● **Data for processing**
•••••

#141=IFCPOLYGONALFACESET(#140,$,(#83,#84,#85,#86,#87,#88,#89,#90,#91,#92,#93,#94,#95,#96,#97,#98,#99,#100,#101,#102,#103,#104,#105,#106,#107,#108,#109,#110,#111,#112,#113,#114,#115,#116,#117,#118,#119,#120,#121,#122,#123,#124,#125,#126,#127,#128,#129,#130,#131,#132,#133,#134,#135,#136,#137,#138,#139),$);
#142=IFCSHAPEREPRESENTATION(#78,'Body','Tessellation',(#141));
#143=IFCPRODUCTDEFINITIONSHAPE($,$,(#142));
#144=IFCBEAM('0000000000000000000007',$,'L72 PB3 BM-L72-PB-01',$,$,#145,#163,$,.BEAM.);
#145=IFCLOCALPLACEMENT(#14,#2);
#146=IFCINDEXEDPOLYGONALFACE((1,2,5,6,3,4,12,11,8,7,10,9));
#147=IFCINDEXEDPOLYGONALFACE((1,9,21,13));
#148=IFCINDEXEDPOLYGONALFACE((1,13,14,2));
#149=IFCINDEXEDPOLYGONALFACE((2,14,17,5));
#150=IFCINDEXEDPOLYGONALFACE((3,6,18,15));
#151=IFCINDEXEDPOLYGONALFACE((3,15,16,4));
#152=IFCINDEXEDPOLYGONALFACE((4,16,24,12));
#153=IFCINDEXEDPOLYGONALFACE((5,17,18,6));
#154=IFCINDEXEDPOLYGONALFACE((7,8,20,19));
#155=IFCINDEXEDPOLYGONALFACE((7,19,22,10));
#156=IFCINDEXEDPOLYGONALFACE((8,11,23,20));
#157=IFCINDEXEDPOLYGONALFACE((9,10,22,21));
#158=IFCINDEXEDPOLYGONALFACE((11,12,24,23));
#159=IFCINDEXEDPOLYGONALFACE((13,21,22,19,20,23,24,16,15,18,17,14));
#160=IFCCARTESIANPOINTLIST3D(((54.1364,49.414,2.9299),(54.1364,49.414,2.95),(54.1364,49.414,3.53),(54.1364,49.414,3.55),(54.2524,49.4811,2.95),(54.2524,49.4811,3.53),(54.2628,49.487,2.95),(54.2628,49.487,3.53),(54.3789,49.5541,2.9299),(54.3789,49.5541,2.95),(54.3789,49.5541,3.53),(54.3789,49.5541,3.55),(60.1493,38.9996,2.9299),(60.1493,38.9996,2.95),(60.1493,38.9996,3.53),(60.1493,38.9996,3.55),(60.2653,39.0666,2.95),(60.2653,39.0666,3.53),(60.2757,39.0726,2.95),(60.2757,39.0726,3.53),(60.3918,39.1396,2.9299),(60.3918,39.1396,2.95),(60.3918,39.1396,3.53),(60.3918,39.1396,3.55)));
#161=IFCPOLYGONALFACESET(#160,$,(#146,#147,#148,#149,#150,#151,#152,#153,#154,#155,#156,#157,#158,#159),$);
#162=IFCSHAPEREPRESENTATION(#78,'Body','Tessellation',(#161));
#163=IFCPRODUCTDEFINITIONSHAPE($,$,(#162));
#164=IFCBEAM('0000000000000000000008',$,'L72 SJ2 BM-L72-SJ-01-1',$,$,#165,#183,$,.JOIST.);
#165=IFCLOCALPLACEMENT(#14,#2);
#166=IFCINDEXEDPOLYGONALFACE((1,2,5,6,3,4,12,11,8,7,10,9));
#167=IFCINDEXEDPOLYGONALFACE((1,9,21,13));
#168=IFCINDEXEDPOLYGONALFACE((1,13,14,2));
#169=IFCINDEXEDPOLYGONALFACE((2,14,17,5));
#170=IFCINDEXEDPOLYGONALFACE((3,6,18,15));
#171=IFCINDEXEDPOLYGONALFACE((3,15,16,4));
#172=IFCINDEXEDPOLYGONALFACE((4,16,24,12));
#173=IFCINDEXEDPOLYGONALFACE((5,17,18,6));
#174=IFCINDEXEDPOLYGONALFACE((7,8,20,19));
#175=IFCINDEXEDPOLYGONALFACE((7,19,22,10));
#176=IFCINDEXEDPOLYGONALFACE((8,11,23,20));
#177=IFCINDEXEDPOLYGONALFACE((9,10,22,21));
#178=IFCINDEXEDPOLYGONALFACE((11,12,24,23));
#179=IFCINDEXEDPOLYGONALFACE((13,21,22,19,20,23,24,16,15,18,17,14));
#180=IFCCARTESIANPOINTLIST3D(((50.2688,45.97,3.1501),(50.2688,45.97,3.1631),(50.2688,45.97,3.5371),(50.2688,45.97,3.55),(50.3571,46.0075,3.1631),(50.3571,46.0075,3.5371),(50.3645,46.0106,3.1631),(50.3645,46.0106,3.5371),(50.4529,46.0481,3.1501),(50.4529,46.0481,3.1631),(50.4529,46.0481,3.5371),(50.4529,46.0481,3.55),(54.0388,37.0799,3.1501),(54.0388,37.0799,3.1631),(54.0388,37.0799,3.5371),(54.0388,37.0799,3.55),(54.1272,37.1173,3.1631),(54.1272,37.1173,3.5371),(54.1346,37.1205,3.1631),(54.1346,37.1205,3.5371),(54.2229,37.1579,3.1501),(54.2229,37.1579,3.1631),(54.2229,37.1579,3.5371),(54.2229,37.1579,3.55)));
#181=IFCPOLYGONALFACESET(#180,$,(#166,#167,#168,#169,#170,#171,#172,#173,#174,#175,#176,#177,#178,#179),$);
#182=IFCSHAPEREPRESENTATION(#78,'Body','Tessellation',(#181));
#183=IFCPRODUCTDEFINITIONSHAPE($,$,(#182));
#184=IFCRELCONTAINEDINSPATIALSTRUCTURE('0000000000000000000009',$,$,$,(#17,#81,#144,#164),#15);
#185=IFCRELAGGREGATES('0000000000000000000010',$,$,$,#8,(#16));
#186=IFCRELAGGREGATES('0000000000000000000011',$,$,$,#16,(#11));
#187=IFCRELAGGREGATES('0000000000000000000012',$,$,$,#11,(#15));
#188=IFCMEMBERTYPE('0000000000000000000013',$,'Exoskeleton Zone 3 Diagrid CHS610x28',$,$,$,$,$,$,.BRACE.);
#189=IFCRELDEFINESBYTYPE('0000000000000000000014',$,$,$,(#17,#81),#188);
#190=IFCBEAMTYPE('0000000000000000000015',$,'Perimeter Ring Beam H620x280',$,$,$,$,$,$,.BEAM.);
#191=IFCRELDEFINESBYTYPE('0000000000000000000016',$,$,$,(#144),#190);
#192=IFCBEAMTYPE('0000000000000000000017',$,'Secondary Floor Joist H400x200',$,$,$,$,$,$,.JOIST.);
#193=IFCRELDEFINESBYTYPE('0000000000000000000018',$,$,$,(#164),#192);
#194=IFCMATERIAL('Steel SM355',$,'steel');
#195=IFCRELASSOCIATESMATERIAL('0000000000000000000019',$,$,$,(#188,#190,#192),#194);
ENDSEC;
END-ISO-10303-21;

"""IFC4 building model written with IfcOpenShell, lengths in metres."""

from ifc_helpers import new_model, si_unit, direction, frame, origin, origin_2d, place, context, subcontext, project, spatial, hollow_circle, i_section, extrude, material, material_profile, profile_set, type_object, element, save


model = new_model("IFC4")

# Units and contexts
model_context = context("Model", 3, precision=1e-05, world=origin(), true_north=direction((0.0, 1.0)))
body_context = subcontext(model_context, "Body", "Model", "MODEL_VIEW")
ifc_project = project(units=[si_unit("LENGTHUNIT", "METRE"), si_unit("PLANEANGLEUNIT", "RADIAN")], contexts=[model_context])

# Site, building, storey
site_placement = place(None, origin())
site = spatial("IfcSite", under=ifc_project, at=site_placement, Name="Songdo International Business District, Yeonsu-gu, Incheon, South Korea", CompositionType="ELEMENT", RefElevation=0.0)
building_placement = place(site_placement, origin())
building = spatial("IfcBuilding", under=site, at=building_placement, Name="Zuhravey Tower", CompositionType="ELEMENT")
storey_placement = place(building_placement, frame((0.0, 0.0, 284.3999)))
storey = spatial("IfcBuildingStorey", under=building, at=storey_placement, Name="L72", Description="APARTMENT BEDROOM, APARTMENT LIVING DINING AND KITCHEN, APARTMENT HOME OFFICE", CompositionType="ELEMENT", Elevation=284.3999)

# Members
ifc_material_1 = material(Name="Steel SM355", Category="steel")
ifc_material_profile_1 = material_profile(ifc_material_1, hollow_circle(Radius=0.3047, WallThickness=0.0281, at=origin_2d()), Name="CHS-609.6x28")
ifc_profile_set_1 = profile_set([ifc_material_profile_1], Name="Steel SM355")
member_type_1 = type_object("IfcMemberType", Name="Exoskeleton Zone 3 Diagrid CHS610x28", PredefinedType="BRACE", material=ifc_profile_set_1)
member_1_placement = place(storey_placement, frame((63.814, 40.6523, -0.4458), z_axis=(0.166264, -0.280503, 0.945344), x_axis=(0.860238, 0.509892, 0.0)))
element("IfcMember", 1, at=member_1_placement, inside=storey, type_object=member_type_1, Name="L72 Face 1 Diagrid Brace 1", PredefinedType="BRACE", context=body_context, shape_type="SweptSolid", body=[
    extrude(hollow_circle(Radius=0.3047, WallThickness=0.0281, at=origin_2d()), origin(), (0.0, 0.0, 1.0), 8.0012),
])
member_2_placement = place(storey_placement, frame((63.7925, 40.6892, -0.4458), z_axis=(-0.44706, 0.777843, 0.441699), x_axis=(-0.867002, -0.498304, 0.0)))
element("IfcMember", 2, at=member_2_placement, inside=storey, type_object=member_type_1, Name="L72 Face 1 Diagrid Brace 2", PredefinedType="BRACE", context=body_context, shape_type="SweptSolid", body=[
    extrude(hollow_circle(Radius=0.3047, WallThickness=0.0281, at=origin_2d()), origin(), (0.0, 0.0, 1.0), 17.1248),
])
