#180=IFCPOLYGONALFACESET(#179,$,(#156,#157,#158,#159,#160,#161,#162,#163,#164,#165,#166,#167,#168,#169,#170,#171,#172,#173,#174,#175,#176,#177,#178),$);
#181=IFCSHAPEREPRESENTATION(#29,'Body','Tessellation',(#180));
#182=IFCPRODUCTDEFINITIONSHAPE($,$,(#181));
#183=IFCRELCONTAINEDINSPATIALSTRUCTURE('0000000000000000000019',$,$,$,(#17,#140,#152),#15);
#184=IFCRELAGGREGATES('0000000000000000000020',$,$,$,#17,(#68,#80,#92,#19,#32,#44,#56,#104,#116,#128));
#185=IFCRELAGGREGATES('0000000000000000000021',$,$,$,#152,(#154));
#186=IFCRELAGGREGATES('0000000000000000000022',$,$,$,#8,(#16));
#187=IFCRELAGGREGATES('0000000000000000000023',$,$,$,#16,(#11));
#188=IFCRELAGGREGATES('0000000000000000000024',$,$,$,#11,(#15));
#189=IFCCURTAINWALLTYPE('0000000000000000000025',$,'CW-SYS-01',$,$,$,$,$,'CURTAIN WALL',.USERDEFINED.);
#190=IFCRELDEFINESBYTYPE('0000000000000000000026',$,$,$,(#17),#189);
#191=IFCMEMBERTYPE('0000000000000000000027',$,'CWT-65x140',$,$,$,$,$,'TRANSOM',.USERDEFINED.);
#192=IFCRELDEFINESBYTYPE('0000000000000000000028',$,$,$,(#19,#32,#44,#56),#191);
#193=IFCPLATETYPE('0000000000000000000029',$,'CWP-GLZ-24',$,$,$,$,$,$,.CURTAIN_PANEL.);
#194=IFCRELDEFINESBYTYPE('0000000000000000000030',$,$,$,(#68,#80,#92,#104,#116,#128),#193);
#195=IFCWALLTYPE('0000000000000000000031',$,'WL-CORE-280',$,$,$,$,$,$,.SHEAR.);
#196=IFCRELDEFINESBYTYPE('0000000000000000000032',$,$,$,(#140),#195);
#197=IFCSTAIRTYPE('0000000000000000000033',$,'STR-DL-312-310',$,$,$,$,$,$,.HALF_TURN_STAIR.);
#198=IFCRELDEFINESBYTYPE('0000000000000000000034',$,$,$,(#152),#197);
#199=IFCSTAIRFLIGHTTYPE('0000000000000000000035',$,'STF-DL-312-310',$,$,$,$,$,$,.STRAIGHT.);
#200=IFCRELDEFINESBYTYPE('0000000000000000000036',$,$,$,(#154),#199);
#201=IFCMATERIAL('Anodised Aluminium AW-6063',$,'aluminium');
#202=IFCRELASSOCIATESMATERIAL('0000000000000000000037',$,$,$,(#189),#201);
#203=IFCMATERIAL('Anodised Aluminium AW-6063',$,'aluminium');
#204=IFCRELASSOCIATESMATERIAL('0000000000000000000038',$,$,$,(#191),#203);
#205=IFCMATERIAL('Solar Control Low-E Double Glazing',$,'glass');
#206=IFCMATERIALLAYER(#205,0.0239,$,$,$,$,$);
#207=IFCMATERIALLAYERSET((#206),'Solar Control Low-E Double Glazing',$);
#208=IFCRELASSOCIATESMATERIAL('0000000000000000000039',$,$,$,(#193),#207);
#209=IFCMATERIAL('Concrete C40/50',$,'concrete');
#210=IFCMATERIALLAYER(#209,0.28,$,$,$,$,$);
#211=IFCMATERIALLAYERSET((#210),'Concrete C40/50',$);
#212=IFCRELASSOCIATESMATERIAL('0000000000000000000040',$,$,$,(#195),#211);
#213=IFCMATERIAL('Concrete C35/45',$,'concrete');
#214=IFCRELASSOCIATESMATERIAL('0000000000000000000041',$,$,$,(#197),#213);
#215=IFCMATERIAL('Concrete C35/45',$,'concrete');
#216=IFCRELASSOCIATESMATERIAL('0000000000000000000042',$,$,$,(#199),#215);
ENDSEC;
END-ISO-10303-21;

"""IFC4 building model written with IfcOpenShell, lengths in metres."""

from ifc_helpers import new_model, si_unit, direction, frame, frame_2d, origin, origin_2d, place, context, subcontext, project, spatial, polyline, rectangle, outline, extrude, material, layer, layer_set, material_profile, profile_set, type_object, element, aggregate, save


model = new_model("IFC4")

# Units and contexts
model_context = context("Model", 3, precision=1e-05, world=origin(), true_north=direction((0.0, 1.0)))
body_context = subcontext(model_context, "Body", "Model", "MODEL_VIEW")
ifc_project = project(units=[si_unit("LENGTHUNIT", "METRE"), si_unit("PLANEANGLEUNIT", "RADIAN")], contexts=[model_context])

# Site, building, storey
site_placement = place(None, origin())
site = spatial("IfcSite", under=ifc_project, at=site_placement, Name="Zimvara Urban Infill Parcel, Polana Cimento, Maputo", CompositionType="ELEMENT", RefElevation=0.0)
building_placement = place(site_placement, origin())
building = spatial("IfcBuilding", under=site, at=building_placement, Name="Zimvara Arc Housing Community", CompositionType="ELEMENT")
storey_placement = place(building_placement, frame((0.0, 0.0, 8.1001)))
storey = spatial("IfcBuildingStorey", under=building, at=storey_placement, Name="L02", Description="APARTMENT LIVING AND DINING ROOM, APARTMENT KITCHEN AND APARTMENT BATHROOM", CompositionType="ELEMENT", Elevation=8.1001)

•••••

● **Exercise details**
Where a line in the listing above holds the string "IFCRELAGGREGATES", include it in your count, and answer with the number alone.

● **Reply to the task**
8